▶ The task
The entries below are to be returned exactly. Include all of them.

▶ Input material
* * * *
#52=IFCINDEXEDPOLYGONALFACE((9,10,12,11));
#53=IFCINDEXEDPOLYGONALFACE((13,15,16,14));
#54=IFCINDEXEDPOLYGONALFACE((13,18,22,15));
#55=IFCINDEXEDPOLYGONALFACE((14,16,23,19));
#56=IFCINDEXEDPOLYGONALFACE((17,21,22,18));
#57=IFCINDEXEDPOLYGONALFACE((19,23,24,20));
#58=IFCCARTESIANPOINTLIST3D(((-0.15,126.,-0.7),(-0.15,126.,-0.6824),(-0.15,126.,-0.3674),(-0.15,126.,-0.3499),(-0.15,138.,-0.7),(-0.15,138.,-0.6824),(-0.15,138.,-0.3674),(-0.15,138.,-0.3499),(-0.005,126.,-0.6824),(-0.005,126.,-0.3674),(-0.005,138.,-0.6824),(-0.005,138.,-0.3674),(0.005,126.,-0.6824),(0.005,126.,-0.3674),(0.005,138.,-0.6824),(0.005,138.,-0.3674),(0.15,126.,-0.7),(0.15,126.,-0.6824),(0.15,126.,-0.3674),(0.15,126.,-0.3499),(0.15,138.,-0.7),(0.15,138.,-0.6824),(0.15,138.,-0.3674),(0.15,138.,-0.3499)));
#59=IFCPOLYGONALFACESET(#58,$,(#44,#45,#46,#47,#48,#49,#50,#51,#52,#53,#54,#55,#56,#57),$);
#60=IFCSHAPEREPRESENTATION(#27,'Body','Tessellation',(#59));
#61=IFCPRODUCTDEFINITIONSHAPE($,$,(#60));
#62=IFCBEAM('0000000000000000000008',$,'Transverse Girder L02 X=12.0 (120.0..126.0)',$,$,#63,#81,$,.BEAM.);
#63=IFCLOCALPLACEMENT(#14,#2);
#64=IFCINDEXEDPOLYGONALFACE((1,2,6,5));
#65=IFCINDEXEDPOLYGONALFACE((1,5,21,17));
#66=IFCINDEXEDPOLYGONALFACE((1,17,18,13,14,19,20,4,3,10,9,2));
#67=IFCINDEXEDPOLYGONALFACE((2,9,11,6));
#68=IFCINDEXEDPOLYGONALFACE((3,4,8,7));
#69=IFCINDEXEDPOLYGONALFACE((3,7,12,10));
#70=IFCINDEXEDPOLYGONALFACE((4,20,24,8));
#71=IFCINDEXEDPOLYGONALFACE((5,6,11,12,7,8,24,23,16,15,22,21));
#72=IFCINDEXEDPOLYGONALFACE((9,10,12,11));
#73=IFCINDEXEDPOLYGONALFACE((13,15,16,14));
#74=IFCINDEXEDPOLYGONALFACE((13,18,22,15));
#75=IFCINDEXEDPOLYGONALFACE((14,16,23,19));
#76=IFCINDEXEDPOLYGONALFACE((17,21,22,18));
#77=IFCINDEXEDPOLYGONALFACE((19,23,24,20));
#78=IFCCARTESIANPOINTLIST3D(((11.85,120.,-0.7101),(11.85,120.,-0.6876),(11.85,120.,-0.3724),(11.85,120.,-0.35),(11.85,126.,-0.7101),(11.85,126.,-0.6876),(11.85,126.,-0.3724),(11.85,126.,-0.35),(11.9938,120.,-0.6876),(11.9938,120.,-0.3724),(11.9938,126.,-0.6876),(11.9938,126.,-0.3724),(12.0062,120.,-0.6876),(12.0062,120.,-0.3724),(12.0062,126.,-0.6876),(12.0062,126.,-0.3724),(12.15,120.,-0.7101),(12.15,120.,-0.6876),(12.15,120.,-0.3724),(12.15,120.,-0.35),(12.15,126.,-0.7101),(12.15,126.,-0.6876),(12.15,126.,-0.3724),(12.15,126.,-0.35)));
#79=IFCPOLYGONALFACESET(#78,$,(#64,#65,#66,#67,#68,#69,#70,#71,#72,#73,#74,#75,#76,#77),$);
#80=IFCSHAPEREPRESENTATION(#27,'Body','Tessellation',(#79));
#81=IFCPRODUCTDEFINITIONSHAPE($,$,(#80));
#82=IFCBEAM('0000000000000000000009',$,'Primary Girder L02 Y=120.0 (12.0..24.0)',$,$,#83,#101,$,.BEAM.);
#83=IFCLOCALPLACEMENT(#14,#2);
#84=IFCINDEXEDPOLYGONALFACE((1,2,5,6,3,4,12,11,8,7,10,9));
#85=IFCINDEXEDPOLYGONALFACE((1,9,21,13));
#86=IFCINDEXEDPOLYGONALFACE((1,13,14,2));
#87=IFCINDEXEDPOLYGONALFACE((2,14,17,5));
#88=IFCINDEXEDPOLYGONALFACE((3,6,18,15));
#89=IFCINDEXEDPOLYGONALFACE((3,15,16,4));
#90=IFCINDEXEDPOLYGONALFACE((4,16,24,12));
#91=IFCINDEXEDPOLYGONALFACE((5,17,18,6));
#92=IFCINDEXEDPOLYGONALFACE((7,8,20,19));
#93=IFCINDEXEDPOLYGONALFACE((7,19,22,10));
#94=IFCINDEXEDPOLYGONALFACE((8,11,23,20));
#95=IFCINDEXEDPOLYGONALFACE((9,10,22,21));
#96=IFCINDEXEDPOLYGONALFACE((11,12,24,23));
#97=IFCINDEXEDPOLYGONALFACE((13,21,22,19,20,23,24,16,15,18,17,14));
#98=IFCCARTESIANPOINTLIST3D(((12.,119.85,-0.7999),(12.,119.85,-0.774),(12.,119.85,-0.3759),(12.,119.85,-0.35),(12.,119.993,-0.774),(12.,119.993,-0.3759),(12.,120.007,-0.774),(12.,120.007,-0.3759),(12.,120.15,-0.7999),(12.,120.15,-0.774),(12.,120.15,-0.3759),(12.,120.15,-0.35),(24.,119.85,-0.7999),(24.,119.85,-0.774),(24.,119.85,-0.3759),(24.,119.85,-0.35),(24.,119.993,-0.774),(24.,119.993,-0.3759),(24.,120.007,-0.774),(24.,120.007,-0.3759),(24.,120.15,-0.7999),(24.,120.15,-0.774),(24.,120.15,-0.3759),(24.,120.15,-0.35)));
* * * *
▶ Exercise output
#52=IFCINDEXEDPOLYGONALFACE((9,10,12,11));
#53=IFCINDEXEDPOLYGONALFACE((13,15,16,14));
#54=IFCINDEXEDPOLYGONALFACE((13,18,22,15));
#55=IFCINDEXEDPOLYGONALFACE((14,16,23,19));
#56=IFCINDEXEDPOLYGONALFACE((17,21,22,18));
#57=IFCINDEXEDPOLYGONALFACE((19,23,24,20));
#58=IFCCARTESIANPOINTLIST3D(((-0.15,126.,-0.7),(-0.15,126.,-0.6824),(-0.15,126.,-0.3674),(-0.15,126.,-0.3499),(-0.15,138.,-0.7),(-0.15,138.,-0.6824),(-0.15,138.,-0.3674),(-0.15,138.,-0.3499),(-0.005,126.,-0.6824),(-0.005,126.,-0.3674),(-0.005,138.,-0.6824),(-0.005,138.,-0.3674),(0.005,126.,-0.6824),(0.005,126.,-0.3674),(0.005,138.,-0.6824),(0.005,138.,-0.3674),(0.15,126.,-0.7),(0.15,126.,-0.6824),(0.15,126.,-0.3674),(0.15,126.,-0.3499),(0.15,138.,-0.7),(0.15,138.,-0.6824),(0.15,138.,-0.3674),(0.15,138.,-0.3499)));
#59=IFCPOLYGONALFACESET(#58,$,(#44,#45,#46,#47,#48,#49,#50,#51,#52,#53,#54,#55,#56,#57),$);
#60=IFCSHAPEREPRESENTATION(#27,'Body','Tessellation',(#59));
#61=IFCPRODUCTDEFINITIONSHAPE($,$,(#60));
#62=IFCBEAM('0000000000000000000008',$,'Transverse Girder L02 X=12.0 (120.0..126.0)',$,$,#63,#81,$,.BEAM.);
#63=IFCLOCALPLACEMENT(#14,#2);
#64=IFCINDEXEDPOLYGONALFACE((1,2,6,5));
#65=IFCINDEXEDPOLYGONALFACE((1,5,21,17));
#66=IFCINDEXEDPOLYGONALFACE((1,17,18,13,14,19,20,4,3,10,9,2));
#67=IFCINDEXEDPOLYGONALFACE((2,9,11,6));
#68=IFCINDEXEDPOLYGONALFACE((3,4,8,7));
#69=IFCINDEXEDPOLYGONALFACE((3,7,12,10));
#70=IFCINDEXEDPOLYGONALFACE((4,20,24,8));
#71=IFCINDEXEDPOLYGONALFACE((5,6,11,12,7,8,24,23,16,15,22,21));
#72=IFCINDEXEDPOLYGONALFACE((9,10,12,11));
#73=IFCINDEXEDPOLYGONALFACE((13,15,16,14));
#74=IFCINDEXEDPOLYGONALFACE((13,18,22,15));
#75=IFCINDEXEDPOLYGONALFACE((14,16,23,19));
#76=IFCINDEXEDPOLYGONALFACE((17,21,22,18));
#77=IFCINDEXEDPOLYGONALFACE((19,23,24,20));
#78=IFCCARTESIANPOINTLIST3D(((11.85,120.,-0.7101),(11.85,120.,-0.6876),(11.85,120.,-0.3724),(11.85,120.,-0.35),(11.85,126.,-0.7101),(11.85,126.,-0.6876),(11.85,126.,-0.3724),(11.85,126.,-0.35),(11.9938,120.,-0.6876),(11.9938,120.,-0.3724),(11.9938,126.,-0.6876),(11.9938,126.,-0.3724),(12.0062,120.,-0.6876),(12.0062,120.,-0.3724),(12.0062,126.,-0.6876),(12.0062,126.,-0.3724),(12.15,120.,-0.7101),(12.15,120.,-0.6876),(12.15,120.,-0.3724),(12.15,120.,-0.35),(12.15,126.,-0.7101),(12.15,126.,-0.6876),(12.15,126.,-0.3724),(12.15,126.,-0.35)));
#79=IFCPOLYGONALFACESET(#78,$,(#64,#65,#66,#67,#68,#69,#70,#71,#72,#73,#74,#75,#76,#77),$);
#80=IFCSHAPEREPRESENTATION(#27,'Body','Tessellation',(#79));
#81=IFCPRODUCTDEFINITIONSHAPE($,$,(#80));
#82=IFCBEAM('0000000000000000000009',$,'Primary Girder L02 Y=120.0 (12.0..24.0)',$,$,#83,#101,$,.BEAM.);
#83=IFCLOCALPLACEMENT(#14,#2);
#84=IFCINDEXEDPOLYGONALFACE((1,2,5,6,3,4,12,11,8,7,10,9));
#85=IFCINDEXEDPOLYGONALFACE((1,9,21,13));
#86=IFCINDEXEDPOLYGONALFACE((1,13,14,2));
#87=IFCINDEXEDPOLYGONALFACE((2,14,17,5));
#88=IFCINDEXEDPOLYGONALFACE((3,6,18,15));
#89=IFCINDEXEDPOLYGONALFACE((3,15,16,4));
#90=IFCINDEXEDPOLYGONALFACE((4,16,24,12));
#91=IFCINDEXEDPOLYGONALFACE((5,17,18,6));
#92=IFCINDEXEDPOLYGONALFACE((7,8,20,19));
#93=IFCINDEXEDPOLYGONALFACE((7,19,22,10));
#94=IFCINDEXEDPOLYGONALFACE((8,11,23,20));
#95=IFCINDEXEDPOLYGONALFACE((9,10,22,21));
#96=IFCINDEXEDPOLYGONALFACE((11,12,24,23));
#97=IFCINDEXEDPOLYGONALFACE((13,21,22,19,20,23,24,16,15,18,17,14));
#98=IFCCARTESIANPOINTLIST3D(((12.,119.85,-0.7999),(12.,119.85,-0.774),(12.,119.85,-0.3759),(12.,119.85,-0.35),(12.,119.993,-0.774),(12.,119.993,-0.3759),(12.,120.007,-0.774),(12.,120.007,-0.3759),(12.,120.15,-0.7999),(12.,120.15,-0.774),(12.,120.15,-0.3759),(12.,120.15,-0.35),(24.,119.85,-0.7999),(24.,119.85,-0.774),(24.,119.85,-0.3759),(24.,119.85,-0.35),(24.,119.993,-0.774),(24.,119.993,-0.3759),(24.,120.007,-0.774),(24.,120.007,-0.3759),(24.,120.15,-0.7999),(24.,120.15,-0.774),(24.,120.15,-0.3759),(24.,120.15,-0.35)));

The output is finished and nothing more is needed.